## [Your task]
Please restate the data word for word, in full.

Stored items
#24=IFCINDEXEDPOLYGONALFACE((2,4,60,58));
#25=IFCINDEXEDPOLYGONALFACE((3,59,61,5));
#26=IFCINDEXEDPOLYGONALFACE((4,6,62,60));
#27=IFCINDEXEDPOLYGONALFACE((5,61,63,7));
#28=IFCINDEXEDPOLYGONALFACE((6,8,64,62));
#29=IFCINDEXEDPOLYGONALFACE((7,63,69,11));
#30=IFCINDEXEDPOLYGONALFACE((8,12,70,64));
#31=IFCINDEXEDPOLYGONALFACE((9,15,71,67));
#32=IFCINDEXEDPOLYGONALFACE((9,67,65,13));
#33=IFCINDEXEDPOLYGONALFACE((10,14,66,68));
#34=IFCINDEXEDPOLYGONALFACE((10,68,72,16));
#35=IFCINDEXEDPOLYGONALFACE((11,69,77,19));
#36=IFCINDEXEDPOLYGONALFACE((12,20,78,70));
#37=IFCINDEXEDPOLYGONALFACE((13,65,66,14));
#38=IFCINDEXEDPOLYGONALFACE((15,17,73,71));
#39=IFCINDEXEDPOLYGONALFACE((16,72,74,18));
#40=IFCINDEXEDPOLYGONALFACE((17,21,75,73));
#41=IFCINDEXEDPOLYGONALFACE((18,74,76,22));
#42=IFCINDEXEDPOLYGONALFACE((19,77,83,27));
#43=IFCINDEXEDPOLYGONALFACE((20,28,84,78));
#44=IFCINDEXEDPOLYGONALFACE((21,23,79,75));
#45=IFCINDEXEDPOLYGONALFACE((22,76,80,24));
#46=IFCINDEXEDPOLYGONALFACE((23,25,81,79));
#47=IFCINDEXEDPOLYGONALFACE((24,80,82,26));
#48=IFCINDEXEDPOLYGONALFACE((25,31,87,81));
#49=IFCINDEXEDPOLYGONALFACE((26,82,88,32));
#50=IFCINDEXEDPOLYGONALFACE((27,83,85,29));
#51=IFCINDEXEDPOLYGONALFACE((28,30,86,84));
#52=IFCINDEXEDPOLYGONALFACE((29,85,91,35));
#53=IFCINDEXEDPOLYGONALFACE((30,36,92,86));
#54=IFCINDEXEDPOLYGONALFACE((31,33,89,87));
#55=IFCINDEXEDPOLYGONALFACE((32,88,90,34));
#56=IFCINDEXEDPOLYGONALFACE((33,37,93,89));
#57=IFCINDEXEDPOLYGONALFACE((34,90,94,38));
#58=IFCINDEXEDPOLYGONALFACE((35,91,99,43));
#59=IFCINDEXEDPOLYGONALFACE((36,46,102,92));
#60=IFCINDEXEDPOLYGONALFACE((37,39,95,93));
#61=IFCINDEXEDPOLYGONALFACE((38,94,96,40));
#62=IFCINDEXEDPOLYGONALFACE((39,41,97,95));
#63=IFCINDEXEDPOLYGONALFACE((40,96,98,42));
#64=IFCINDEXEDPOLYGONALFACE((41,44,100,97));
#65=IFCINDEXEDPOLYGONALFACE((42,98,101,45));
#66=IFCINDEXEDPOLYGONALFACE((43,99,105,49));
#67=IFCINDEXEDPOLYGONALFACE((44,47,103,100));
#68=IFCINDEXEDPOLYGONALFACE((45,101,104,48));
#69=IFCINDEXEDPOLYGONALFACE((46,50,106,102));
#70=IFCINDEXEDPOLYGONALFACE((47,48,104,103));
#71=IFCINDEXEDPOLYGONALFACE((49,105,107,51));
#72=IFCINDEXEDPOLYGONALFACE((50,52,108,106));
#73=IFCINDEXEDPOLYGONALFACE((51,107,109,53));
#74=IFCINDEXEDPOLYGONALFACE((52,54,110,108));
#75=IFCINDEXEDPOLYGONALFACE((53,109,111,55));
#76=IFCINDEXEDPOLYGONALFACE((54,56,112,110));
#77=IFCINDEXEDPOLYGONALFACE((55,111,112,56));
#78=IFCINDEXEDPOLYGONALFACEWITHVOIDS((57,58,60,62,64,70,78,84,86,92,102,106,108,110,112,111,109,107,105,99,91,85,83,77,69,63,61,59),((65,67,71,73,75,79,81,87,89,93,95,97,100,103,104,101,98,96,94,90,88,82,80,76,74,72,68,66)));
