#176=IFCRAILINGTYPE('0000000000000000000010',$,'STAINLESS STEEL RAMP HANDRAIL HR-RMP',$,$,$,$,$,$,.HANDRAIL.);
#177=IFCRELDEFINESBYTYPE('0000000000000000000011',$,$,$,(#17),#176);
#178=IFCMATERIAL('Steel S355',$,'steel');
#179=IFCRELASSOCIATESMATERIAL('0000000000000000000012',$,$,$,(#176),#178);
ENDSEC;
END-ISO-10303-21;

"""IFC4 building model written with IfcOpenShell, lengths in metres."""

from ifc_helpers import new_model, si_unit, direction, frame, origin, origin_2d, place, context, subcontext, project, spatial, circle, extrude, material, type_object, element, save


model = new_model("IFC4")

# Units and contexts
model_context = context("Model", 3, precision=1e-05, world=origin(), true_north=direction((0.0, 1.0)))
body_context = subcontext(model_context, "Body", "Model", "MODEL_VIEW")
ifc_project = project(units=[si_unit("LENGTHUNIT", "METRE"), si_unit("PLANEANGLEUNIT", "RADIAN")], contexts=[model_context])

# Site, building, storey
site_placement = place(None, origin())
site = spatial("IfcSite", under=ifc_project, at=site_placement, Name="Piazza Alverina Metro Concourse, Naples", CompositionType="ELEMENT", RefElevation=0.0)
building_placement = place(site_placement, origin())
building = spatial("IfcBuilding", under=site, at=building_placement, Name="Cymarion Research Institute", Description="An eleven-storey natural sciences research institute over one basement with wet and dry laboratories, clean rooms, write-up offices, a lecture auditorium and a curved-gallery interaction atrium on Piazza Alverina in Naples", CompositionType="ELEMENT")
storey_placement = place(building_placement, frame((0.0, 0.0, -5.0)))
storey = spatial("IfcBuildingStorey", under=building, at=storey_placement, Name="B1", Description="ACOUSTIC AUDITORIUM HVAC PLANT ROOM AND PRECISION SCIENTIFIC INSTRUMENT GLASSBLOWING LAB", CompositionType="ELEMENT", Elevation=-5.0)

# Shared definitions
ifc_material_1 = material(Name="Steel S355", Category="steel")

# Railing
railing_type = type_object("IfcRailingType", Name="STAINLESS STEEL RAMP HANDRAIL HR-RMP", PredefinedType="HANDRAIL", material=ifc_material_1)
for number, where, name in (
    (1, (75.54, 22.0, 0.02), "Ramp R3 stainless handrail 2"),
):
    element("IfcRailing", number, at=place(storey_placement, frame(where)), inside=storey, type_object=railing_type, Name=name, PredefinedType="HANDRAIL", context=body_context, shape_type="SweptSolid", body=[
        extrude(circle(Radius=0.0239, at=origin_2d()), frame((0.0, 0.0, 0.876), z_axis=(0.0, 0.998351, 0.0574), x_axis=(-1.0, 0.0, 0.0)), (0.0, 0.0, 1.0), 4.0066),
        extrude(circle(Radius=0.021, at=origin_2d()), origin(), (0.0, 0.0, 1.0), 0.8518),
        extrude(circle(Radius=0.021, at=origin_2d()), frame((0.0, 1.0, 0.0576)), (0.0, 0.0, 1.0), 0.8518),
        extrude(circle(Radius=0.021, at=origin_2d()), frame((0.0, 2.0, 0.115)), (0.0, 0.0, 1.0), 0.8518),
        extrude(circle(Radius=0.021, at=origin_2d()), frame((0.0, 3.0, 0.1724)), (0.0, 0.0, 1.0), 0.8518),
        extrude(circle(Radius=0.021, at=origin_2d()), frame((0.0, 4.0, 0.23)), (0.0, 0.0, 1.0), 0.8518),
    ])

## [Task solution]
#24=IFCINDEXEDPOLYGONALFACE((2,4,60,58));
#25=IFCINDEXEDPOLYGONALFACE((3,59,61,5));
#26=IFCINDEXEDPOLYGONALFACE((4,6,62,60));
#27=IFCINDEXEDPOLYGONALFACE((5,61,63,7));
#28=IFCINDEXEDPOLYGONALFACE((6,8,64,62));
#29=IFCINDEXEDPOLYGONALFACE((7,63,69,11));
#30=IFCINDEXEDPOLYGONALFACE((8,12,70,64));
#31=IFCINDEXEDPOLYGONALFACE((9,15,71,67));
#32=IFCINDEXEDPOLYGONALFACE((9,67,65,13));
#33=IFCINDEXEDPOLYGONALFACE((10,14,66,68));
#34=IFCINDEXEDPOLYGONALFACE((10,68,72,16));
#35=IFCINDEXEDPOLYGONALFACE((11,69,77,19));
#36=IFCINDEXEDPOLYGONALFACE((12,20,78,70));
#37=IFCINDEXEDPOLYGONALFACE((13,65,66,14));
#38=IFCINDEXEDPOLYGONALFACE((15,17,73,71));
#39=IFCINDEXEDPOLYGONALFACE((16,72,74,18));
#40=IFCINDEXEDPOLYGONALFACE((17,21,75,73));
#41=IFCINDEXEDPOLYGONALFACE((18,74,76,22));
#42=IFCINDEXEDPOLYGONALFACE((19,77,83,27));
#43=IFCINDEXEDPOLYGONALFACE((20,28,84,78));
#44=IFCINDEXEDPOLYGONALFACE((21,23,79,75));
#45=IFCINDEXEDPOLYGONALFACE((22,76,80,24));
#46=IFCINDEXEDPOLYGONALFACE((23,25,81,79));
#47=IFCINDEXEDPOLYGONALFACE((24,80,82,26));
#48=IFCINDEXEDPOLYGONALFACE((25,31,87,81));
#49=IFCINDEXEDPOLYGONALFACE((26,82,88,32));
#50=IFCINDEXEDPOLYGONALFACE((27,83,85,29));
#51=IFCINDEXEDPOLYGONALFACE((28,30,86,84));
#52=IFCINDEXEDPOLYGONALFACE((29,85,91,35));
#53=IFCINDEXEDPOLYGONALFACE((30,36,92,86));
#54=IFCINDEXEDPOLYGONALFACE((31,33,89,87));
#55=IFCINDEXEDPOLYGONALFACE((32,88,90,34));
#56=IFCINDEXEDPOLYGONALFACE((33,37,93,89));
#57=IFCINDEXEDPOLYGONALFACE((34,90,94,38));
#58=IFCINDEXEDPOLYGONALFACE((35,91,99,43));
#59=IFCINDEXEDPOLYGONALFACE((36,46,102,92));
#60=IFCINDEXEDPOLYGONALFACE((37,39,95,93));
#61=IFCINDEXEDPOLYGONALFACE((38,94,96,40));
#62=IFCINDEXEDPOLYGONALFACE((39,41,97,95));
#63=IFCINDEXEDPOLYGONALFACE((40,96,98,42));
#64=IFCINDEXEDPOLYGONALFACE((41,44,100,97));
#65=IFCINDEXEDPOLYGONALFACE((42,98,101,45));
#66=IFCINDEXEDPOLYGONALFACE((43,99,105,49));
#67=IFCINDEXEDPOLYGONALFACE((44,47,103,100));
#68=IFCINDEXEDPOLYGONALFACE((45,101,104,48));
#69=IFCINDEXEDPOLYGONALFACE((46,50,106,102));
#70=IFCINDEXEDPOLYGONALFACE((47,48,104,103));
#71=IFCINDEXEDPOLYGONALFACE((49,105,107,51));
#72=IFCINDEXEDPOLYGONALFACE((50,52,108,106));
#73=IFCINDEXEDPOLYGONALFACE((51,107,109,53));
#74=IFCINDEXEDPOLYGONALFACE((52,54,110,108));
#75=IFCINDEXEDPOLYGONALFACE((53,109,111,55));
#76=IFCINDEXEDPOLYGONALFACE((54,56,112,110));
#77=IFCINDEXEDPOLYGONALFACE((55,111,112,56));
#78=IFCINDEXEDPOLYGONALFACEWITHVOIDS((57,58,60,62,64,70,78,84,86,92,102,106,108,110,112,111,109,107,105,99,91,85,83,77,69,63,61,59),((65,67,71,73,75,79,81,87,89,93,95,97,100,103,104,101,98,96,94,90,88,82,80,76,74,72,68,66)));
#176=IFCRAILINGTYPE('0000000000000000000010',$,'STAINLESS STEEL RAMP HANDRAIL HR-RMP',$,$,$,$,$,$,.HANDRAIL.);
#177=IFCRELDEFINESBYTYPE('0000000000000000000011',$,$,$,(#17),#176);
#178=IFCMATERIAL('Steel S355',$,'steel');
#179=IFCRELASSOCIATESMATERIAL('0000000000000000000012',$,$,$,(#176),#178);
ENDSEC;
END-ISO-10303-21;

"""IFC4 building model written with IfcOpenShell, lengths in metres."""

from ifc_helpers import new_model, si_unit, direction, frame, origin, origin_2d, place, context, subcontext, project, spatial, circle, extrude, material, type_object, element, save


model = new_model("IFC4")

# Units and contexts
model_context = context("Model", 3, precision=1e-05, world=origin(), true_north=direction((0.0, 1.0)))
body_context = subcontext(model_context, "Body", "Model", "MODEL_VIEW")
ifc_project = project(units=[si_unit("LENGTHUNIT", "METRE"), si_unit("PLANEANGLEUNIT", "RADIAN")], contexts=[model_context])

# Site, building, storey
site_placement = place(None, origin())
site = spatial("IfcSite", under=ifc_project, at=site_placement, Name="Piazza Alverina Metro Concourse, Naples", CompositionType="ELEMENT", RefElevation=0.0)
building_placement = place(site_placement, origin())
building = spatial("IfcBuilding", under=site, at=building_placement, Name="Cymarion Research Institute", Description="An eleven-storey natural sciences research institute over one basement with wet and dry laboratories, clean rooms, write-up offices, a lecture auditorium and a curved-gallery interaction atrium on Piazza Alverina in Naples", CompositionType="ELEMENT")
storey_placement = place(building_placement, frame((0.0, 0.0, -5.0)))
storey = spatial("IfcBuildingStorey", under=building, at=storey_placement, Name="B1", Description="ACOUSTIC AUDITORIUM HVAC PLANT ROOM AND PRECISION SCIENTIFIC INSTRUMENT GLASSBLOWING LAB", CompositionType="ELEMENT", Elevation=-5.0)

# Shared definitions
ifc_material_1 = material(Name="Steel S355", Category="steel")

# Railing
railing_type = type_object("IfcRailingType", Name="STAINLESS STEEL RAMP HANDRAIL HR-RMP", PredefinedType="HANDRAIL", material=ifc_material_1)
for number, where, name in (
    (1, (75.54, 22.0, 0.02), "Ramp R3 stainless handrail 2"),
):
    element("IfcRailing", number, at=place(storey_placement, frame(where)), inside=storey, type_object=railing_type, Name=name, PredefinedType="HANDRAIL", context=body_context, shape_type="SweptSolid", body=[
        extrude(circle(Radius=0.0239, at=origin_2d()), frame((0.0, 0.0, 0.876), z_axis=(0.0, 0.998351, 0.0574), x_axis=(-1.0, 0.0, 0.0)), (0.0, 0.0, 1.0), 4.0066),
        extrude(circle(Radius=0.021, at=origin_2d()), origin(), (0.0, 0.0, 1.0), 0.8518),
        extrude(circle(Radius=0.021, at=origin_2d()), frame((0.0, 1.0, 0.0576)), (0.0, 0.0, 1.0), 0.8518),
        extrude(circle(Radius=0.021, at=origin_2d()), frame((0.0, 2.0, 0.115)), (0.0, 0.0, 1.0), 0.8518),
        extrude(circle(Radius=0.021, at=origin_2d()), frame((0.0, 3.0, 0.1724)), (0.0, 0.0, 1.0), 0.8518),
        extrude(circle(Radius=0.021, at=origin_2d()), frame((0.0, 4.0, 0.23)), (0.0, 0.0, 1.0), 0.8518),
    ])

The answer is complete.